_REQUIRED ACTION:_
Return each line exactly as written. Begin with the first line of the entries and end with the line that has "#32=IFCWALL('0000000000000000000006',$,'En-suite partition 100".
##### EXERCISE INPUT #####
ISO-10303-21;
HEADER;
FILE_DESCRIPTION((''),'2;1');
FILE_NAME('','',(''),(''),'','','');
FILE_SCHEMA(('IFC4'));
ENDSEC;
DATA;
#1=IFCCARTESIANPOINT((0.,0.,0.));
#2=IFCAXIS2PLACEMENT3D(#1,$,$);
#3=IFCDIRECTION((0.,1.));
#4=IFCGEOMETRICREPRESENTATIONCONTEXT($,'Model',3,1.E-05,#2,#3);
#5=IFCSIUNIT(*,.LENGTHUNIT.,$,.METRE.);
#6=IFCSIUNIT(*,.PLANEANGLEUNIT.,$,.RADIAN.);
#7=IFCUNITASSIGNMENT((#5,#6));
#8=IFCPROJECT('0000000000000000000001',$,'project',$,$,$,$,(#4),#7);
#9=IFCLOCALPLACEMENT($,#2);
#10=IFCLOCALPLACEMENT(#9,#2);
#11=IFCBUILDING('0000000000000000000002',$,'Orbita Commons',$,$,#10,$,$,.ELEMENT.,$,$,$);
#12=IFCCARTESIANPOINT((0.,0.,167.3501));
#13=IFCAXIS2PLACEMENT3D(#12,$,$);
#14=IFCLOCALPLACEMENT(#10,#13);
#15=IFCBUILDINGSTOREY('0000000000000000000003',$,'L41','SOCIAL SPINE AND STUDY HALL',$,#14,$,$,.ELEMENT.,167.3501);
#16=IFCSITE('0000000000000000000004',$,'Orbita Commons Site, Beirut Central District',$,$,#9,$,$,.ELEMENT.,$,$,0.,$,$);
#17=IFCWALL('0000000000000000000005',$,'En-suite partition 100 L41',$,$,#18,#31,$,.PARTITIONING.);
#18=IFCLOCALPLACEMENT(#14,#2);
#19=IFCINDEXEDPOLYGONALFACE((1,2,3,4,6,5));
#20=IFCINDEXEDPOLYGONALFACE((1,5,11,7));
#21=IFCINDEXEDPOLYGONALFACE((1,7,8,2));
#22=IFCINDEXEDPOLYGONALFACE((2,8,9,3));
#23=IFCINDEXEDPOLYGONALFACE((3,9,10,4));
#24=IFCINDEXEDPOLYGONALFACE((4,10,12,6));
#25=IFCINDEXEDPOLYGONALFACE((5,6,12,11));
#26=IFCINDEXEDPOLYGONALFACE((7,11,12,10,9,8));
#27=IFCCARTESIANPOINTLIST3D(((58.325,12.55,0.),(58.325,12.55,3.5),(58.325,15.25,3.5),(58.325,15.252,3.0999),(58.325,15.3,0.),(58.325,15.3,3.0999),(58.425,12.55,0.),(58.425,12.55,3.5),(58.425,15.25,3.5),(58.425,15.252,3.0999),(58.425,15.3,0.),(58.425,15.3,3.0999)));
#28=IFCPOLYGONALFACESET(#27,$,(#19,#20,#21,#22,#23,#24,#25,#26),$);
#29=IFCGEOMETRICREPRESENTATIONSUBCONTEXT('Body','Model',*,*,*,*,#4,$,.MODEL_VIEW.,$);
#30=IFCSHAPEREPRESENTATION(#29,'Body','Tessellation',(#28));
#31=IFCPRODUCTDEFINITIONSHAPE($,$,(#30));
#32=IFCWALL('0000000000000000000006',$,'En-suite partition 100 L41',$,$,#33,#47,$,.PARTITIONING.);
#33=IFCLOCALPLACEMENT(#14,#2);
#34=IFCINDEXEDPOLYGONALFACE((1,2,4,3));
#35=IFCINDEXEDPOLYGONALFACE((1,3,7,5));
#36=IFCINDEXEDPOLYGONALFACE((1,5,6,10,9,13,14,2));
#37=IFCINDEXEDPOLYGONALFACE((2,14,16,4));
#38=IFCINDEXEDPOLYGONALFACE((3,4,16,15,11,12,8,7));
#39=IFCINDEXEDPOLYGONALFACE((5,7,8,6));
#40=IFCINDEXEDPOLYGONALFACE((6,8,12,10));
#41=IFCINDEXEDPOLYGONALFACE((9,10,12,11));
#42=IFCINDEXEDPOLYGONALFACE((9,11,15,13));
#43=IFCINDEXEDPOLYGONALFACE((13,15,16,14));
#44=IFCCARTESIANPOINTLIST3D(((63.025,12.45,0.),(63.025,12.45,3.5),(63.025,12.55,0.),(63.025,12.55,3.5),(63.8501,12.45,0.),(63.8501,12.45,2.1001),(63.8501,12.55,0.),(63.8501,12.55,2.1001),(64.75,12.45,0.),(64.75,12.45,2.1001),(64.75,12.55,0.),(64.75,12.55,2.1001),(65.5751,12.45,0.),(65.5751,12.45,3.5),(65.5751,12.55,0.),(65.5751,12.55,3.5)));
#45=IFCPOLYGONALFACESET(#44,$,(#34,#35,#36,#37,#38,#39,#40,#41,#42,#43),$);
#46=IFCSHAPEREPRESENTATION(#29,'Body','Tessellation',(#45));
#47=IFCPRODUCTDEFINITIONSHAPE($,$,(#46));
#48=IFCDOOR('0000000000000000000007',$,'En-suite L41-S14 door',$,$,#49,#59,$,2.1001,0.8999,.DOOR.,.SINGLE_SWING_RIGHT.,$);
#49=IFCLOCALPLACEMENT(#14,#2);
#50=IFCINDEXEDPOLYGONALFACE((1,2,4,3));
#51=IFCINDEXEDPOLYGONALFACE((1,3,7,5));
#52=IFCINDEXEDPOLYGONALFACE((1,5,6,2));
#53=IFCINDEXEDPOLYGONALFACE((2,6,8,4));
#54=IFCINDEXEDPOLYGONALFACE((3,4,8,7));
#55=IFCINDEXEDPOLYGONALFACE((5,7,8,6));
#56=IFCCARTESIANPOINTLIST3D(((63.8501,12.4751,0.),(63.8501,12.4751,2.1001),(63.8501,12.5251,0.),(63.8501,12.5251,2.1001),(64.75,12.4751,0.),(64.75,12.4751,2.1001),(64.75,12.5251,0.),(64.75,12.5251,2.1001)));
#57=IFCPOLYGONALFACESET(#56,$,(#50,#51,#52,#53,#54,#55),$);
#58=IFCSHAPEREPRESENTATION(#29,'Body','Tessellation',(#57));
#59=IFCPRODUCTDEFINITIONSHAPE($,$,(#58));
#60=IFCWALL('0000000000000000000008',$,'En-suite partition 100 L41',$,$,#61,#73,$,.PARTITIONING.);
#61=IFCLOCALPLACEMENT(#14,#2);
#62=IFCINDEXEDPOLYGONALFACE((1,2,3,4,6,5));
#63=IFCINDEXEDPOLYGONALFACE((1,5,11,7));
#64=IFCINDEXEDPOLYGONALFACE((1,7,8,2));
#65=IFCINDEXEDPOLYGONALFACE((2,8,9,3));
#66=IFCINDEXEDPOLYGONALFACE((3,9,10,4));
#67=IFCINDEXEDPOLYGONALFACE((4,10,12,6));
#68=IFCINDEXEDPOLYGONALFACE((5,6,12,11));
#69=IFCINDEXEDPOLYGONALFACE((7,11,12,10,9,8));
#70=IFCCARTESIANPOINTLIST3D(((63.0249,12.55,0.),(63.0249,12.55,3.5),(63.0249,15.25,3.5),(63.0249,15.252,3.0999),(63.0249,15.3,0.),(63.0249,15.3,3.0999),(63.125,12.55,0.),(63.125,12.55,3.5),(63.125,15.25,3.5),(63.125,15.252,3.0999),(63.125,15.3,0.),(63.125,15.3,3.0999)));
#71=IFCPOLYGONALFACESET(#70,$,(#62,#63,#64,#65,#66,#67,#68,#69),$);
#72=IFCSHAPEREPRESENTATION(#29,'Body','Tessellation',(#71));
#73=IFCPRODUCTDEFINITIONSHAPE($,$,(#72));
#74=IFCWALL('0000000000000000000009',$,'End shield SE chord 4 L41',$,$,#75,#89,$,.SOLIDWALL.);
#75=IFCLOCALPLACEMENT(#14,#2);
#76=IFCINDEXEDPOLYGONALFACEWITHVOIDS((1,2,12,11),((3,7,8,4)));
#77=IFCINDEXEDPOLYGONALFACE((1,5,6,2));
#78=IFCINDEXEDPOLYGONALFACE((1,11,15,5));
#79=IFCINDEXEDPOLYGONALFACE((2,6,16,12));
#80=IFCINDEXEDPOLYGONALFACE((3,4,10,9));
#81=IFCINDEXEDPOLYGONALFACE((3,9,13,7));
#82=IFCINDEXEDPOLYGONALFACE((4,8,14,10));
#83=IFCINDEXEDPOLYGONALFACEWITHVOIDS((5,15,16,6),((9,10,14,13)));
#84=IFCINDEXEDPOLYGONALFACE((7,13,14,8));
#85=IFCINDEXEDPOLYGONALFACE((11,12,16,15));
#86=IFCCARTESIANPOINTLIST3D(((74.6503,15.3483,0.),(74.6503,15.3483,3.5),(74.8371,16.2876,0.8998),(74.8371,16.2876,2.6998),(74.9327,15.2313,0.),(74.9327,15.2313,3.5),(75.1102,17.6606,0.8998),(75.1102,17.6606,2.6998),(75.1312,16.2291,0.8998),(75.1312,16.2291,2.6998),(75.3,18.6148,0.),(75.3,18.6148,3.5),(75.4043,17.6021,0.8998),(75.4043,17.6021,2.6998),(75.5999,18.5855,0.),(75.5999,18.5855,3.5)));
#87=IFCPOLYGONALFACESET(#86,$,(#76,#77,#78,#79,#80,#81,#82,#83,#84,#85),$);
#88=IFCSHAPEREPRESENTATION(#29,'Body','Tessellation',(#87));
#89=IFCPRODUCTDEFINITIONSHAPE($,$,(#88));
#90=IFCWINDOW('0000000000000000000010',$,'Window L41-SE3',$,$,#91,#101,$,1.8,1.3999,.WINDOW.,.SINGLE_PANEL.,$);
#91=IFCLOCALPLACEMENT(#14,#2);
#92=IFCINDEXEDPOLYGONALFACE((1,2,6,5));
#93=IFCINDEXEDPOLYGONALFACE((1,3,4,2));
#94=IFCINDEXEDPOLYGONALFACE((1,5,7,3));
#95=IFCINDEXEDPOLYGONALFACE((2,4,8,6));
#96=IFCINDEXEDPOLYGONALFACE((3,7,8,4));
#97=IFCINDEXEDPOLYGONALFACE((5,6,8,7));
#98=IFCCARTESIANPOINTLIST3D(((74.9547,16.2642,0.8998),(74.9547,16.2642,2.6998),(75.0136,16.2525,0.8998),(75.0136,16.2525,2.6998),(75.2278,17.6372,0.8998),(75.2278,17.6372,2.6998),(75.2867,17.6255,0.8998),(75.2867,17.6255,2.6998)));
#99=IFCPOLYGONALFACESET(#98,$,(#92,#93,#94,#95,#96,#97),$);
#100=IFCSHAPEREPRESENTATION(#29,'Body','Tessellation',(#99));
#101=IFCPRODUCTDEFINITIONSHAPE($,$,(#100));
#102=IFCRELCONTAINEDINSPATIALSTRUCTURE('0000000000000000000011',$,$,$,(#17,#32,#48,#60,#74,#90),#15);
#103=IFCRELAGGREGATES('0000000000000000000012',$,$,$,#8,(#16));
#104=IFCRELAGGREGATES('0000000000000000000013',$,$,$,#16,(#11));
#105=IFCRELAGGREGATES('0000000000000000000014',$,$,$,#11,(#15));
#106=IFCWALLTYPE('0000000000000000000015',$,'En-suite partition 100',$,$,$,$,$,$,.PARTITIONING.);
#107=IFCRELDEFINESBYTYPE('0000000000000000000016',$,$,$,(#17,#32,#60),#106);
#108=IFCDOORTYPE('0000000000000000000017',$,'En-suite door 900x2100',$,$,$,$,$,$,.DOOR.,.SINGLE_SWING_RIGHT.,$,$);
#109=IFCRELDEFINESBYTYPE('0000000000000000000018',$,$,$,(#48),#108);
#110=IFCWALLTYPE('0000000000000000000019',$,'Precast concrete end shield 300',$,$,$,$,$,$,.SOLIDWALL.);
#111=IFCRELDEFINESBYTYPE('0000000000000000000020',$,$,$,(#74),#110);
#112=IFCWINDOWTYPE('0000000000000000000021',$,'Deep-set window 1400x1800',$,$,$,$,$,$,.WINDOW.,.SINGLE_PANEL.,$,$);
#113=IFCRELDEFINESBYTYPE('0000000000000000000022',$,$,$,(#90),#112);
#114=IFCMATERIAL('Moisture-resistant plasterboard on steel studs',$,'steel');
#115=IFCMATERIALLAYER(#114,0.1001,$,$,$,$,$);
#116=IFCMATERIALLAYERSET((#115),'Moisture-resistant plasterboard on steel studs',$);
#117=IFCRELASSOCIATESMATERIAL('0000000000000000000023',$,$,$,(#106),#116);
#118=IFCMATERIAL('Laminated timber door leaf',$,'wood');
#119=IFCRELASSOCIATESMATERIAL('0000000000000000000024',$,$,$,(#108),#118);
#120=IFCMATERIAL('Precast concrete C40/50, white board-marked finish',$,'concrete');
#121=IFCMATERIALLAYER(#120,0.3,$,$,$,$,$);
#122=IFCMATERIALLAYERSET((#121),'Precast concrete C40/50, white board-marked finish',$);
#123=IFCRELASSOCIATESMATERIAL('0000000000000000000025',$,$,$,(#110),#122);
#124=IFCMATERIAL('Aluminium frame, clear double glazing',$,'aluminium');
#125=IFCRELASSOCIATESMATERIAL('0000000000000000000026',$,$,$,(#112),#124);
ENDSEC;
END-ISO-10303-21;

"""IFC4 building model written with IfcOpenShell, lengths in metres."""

from ifc_helpers import new_model, si_unit, direction, frame, frame_2d, origin, place, context, subcontext, project, spatial, polyline, rectangle, outline, extrude, material, layer, layer_set, type_object, element, fill, save


model = new_model("IFC4")

# Units and contexts
model_context = context("Model", 3, precision=1e-05, world=origin(), true_north=direction((0.0, 1.0)))
body_context = subcontext(model_context, "Body", "Model", "MODEL_VIEW")
ifc_project = project(units=[si_unit("LENGTHUNIT", "METRE"), si_unit("PLANEANGLEUNIT", "RADIAN")], contexts=[model_context])

# Site, building, storey
site_placement = place(None, origin())
site = spatial("IfcSite", under=ifc_project, at=site_placement, Name="Orbita Commons Site, Beirut Central District", CompositionType="ELEMENT", RefElevation=0.0)
building_placement = place(site_placement, origin())
building = spatial("IfcBuilding", under=site, at=building_placement, Name="Orbita Commons", CompositionType="ELEMENT")
storey_placement = place(building_placement, frame((0.0, 0.0, 167.3501)))
storey = spatial("IfcBuildingStorey", under=building, at=storey_placement, Name="L41", Description="SOCIAL SPINE AND STUDY HALL", CompositionType="ELEMENT", Elevation=167.3501)

# Wall
ifc_material_1 = material(Name="Moisture-resistant plasterboard on steel studs", Category="steel")
ifc_layer_1 = layer(ifc_material_1, 0.1001)
ifc_layer_set_1 = layer_set([ifc_layer_1], Name="Moisture-resistant plasterboard on steel studs")
wall_type_1 = type_object("IfcWallType", Name="En-suite partition 100", PredefinedType="PARTITIONING", material=ifc_layer_set_1)
wall_1_placement = place(storey_placement, frame((58.375, 12.55, 0.0), z_axis=(0.0, 0.0, 1.0), x_axis=(0.0, 1.0, 0.0)))
element("IfcWall", 1, at=wall_1_placement, inside=storey, type_object=wall_type_1, Name="En-suite partition 100 L41", PredefinedType="PARTITIONING", context=body_context, shape_type="SweptSolid", body=[
    extrude(outline(polyline([(0.0, 0.0), (2.75, 0.0), (2.75, 3.0999), (2.7019, 3.0999), (2.7, 3.5), (0.0, 3.5), (0.0, 0.0)])), frame((0.0, 0.05, 0.0), z_axis=(0.0, -1.0, 0.0), x_axis=(1.0, 0.0, 0.0)), (0.0, 0.0, 1.0), 0.1001),
])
#####
_RESPONSE TO THIS TASK:_
ISO-10303-21;
HEADER;
FILE_DESCRIPTION((''),'2;1');
FILE_NAME('','',(''),(''),'','','');
FILE_SCHEMA(('IFC4'));
ENDSEC;
DATA;
#1=IFCCARTESIANPOINT((0.,0.,0.));
#2=IFCAXIS2PLACEMENT3D(#1,$,$);
#3=IFCDIRECTION((0.,1.));
#4=IFCGEOMETRICREPRESENTATIONCONTEXT($,'Model',3,1.E-05,#2,#3);
#5=IFCSIUNIT(*,.LENGTHUNIT.,$,.METRE.);
#6=IFCSIUNIT(*,.PLANEANGLEUNIT.,$,.RADIAN.);
#7=IFCUNITASSIGNMENT((#5,#6));
#8=IFCPROJECT('0000000000000000000001',$,'project',$,$,$,$,(#4),#7);
#9=IFCLOCALPLACEMENT($,#2);
#10=IFCLOCALPLACEMENT(#9,#2);
#11=IFCBUILDING('0000000000000000000002',$,'Orbita Commons',$,$,#10,$,$,.ELEMENT.,$,$,$);
#12=IFCCARTESIANPOINT((0.,0.,167.3501));
#13=IFCAXIS2PLACEMENT3D(#12,$,$);
#14=IFCLOCALPLACEMENT(#10,#13);
#15=IFCBUILDINGSTOREY('0000000000000000000003',$,'L41','SOCIAL SPINE AND STUDY HALL',$,#14,$,$,.ELEMENT.,167.3501);
#16=IFCSITE('0000000000000000000004',$,'Orbita Commons Site, Beirut Central District',$,$,#9,$,$,.ELEMENT.,$,$,0.,$,$);
#17=IFCWALL('0000000000000000000005',$,'En-suite partition 100 L41',$,$,#18,#31,$,.PARTITIONING.);
#18=IFCLOCALPLACEMENT(#14,#2);
#19=IFCINDEXEDPOLYGONALFACE((1,2,3,4,6,5));
#20=IFCINDEXEDPOLYGONALFACE((1,5,11,7));
#21=IFCINDEXEDPOLYGONALFACE((1,7,8,2));
#22=IFCINDEXEDPOLYGONALFACE((2,8,9,3));
#23=IFCINDEXEDPOLYGONALFACE((3,9,10,4));
#24=IFCINDEXEDPOLYGONALFACE((4,10,12,6));
#25=IFCINDEXEDPOLYGONALFACE((5,6,12,11));
#26=IFCINDEXEDPOLYGONALFACE((7,11,12,10,9,8));
#27=IFCCARTESIANPOINTLIST3D(((58.325,12.55,0.),(58.325,12.55,3.5),(58.325,15.25,3.5),(58.325,15.252,3.0999),(58.325,15.3,0.),(58.325,15.3,3.0999),(58.425,12.55,0.),(58.425,12.55,3.5),(58.425,15.25,3.5),(58.425,15.252,3.0999),(58.425,15.3,0.),(58.425,15.3,3.0999)));
#28=IFCPOLYGONALFACESET(#27,$,(#19,#20,#21,#22,#23,#24,#25,#26),$);
#29=IFCGEOMETRICREPRESENTATIONSUBCONTEXT('Body','Model',*,*,*,*,#4,$,.MODEL_VIEW.,$);
#30=IFCSHAPEREPRESENTATION(#29,'Body','Tessellation',(#28));
#31=IFCPRODUCTDEFINITIONSHAPE($,$,(#30));
#32=IFCWALL('0000000000000000000006',$,'En-suite partition 100 L41',$,$,#33,#47,$,.PARTITIONING.);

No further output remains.